-- Opening Marker --
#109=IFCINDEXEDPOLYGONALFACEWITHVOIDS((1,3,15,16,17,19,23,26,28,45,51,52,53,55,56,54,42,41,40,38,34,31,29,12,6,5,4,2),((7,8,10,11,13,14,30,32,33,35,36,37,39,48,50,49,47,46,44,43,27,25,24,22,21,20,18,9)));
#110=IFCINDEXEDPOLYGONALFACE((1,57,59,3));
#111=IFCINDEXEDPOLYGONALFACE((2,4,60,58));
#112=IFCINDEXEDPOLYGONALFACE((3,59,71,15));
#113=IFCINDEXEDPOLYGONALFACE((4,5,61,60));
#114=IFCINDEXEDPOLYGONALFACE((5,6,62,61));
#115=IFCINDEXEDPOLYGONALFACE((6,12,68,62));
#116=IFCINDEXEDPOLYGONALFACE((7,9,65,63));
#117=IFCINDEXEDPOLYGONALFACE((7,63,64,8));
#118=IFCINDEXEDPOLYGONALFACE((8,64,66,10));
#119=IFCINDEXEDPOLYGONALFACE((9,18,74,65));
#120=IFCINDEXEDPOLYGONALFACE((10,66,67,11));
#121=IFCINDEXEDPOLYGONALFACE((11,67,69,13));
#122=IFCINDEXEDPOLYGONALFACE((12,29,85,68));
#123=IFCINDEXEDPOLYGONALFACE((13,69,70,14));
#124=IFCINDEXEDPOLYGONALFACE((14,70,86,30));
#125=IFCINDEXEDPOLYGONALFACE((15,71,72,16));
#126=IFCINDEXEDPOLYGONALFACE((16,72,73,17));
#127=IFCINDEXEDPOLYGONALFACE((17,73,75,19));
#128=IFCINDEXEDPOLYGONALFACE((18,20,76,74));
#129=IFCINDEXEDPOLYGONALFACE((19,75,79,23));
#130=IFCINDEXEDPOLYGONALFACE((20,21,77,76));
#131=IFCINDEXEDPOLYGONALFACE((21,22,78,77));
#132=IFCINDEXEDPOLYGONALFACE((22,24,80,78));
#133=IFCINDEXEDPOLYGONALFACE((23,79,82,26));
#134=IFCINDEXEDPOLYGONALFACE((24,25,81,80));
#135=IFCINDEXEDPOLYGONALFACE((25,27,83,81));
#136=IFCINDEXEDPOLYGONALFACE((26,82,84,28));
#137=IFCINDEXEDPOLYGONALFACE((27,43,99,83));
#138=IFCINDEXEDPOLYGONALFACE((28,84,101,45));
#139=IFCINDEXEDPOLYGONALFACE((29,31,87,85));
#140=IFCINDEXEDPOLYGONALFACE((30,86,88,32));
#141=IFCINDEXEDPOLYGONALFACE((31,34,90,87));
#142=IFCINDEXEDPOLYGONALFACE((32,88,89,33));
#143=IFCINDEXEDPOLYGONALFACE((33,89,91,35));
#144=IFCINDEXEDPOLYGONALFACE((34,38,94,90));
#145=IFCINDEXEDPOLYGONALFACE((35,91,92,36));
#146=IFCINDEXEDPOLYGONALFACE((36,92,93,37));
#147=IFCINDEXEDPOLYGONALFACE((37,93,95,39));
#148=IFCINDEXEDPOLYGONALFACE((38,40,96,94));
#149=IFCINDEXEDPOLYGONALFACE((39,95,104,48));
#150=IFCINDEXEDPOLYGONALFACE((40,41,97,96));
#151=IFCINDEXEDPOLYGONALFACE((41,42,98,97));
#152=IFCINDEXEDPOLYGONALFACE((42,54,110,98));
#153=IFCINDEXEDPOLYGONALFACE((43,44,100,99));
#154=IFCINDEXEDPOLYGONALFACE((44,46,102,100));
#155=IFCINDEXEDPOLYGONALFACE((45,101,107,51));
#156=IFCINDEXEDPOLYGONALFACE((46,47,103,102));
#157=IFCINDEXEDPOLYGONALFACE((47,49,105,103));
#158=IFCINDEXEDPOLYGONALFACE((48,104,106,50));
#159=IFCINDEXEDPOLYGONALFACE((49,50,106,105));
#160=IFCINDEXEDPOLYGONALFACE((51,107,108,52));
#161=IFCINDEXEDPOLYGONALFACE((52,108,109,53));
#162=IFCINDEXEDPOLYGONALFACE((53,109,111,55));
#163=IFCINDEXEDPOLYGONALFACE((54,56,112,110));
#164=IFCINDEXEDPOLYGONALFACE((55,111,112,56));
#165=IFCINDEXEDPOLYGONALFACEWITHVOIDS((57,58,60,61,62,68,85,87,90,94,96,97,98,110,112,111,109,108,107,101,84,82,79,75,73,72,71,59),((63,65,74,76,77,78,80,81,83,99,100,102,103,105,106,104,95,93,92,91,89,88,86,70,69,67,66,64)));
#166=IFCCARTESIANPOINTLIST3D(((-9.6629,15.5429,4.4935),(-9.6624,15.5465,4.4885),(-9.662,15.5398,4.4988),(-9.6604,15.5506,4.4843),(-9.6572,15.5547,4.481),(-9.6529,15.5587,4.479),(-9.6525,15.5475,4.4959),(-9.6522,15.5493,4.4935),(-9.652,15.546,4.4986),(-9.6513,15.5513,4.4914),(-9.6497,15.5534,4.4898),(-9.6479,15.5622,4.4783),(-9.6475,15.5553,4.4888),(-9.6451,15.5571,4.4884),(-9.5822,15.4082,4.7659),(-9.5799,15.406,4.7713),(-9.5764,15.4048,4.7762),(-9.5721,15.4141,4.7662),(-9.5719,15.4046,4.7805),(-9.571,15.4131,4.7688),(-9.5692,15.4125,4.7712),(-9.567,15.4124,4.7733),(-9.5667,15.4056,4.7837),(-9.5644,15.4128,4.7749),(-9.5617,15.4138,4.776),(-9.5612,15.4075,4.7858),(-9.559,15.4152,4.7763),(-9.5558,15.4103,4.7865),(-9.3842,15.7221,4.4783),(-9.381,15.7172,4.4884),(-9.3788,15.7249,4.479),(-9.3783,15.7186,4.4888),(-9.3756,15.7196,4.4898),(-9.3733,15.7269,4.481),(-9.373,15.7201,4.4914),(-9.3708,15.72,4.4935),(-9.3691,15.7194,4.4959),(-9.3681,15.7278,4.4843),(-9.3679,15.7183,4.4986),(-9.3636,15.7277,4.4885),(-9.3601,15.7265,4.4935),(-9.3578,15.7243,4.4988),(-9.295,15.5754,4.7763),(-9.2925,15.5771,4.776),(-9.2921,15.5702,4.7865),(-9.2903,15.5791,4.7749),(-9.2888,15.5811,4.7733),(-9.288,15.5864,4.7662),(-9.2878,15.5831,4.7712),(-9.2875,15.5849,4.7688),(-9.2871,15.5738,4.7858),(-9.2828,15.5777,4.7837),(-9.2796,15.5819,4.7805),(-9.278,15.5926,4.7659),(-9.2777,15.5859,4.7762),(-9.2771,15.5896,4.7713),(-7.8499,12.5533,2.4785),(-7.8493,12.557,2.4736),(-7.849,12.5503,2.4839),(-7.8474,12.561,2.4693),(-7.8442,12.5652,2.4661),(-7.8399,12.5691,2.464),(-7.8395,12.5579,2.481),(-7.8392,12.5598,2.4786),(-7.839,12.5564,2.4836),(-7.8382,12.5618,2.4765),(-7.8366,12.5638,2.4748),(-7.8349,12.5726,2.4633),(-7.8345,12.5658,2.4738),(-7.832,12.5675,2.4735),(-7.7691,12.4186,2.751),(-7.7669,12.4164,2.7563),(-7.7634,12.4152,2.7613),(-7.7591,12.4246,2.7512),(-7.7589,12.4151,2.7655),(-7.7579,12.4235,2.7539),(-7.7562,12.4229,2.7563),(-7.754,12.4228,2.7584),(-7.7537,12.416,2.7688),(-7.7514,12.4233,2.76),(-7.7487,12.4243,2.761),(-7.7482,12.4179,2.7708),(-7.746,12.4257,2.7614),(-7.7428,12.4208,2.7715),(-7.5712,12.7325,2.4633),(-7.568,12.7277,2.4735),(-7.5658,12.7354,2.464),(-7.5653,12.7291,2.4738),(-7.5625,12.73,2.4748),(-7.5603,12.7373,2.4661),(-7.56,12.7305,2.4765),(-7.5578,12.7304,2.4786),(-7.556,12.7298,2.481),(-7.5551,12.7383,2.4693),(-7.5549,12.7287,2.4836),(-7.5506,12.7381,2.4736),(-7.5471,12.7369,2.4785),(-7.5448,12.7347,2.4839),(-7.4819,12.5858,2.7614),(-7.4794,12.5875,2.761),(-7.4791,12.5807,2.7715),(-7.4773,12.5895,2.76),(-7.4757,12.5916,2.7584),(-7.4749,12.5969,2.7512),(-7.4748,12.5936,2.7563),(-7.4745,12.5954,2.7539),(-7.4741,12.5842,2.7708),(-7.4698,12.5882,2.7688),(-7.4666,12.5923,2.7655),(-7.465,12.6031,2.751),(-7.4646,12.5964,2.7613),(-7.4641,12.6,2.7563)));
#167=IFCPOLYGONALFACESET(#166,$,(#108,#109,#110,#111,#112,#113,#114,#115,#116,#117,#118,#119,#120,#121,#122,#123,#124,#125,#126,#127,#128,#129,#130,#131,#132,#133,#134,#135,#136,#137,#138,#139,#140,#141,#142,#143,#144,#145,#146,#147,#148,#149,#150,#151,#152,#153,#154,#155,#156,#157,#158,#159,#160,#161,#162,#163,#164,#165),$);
-- Closing Marker --
TASK DIRECTIONS.
When the word "IFCINDEXEDPOLYGONALFACEWITHVOIDS" appears in a line of the listing, pull that line out.

RESULT FOR THIS EXERCISE.
#109=IFCINDEXEDPOLYGONALFACEWITHVOIDS((1,3,15,16,17,19,23,26,28,45,51,52,53,55,56,54,42,41,40,38,34,31,29,12,6,5,4,2),((7,8,10,11,13,14,30,32,33,35,36,37,39,48,50,49,47,46,44,43,27,25,24,22,21,20,18,9)));
#165=IFCINDEXEDPOLYGONALFACEWITHVOIDS((57,58,60,61,62,68,85,87,90,94,96,97,98,110,112,111,109,108,107,101,84,82,79,75,73,72,71,59),((63,65,74,76,77,78,80,81,83,99,100,102,103,105,106,104,95,93,92,91,89,88,86,70,69,67,66,64)));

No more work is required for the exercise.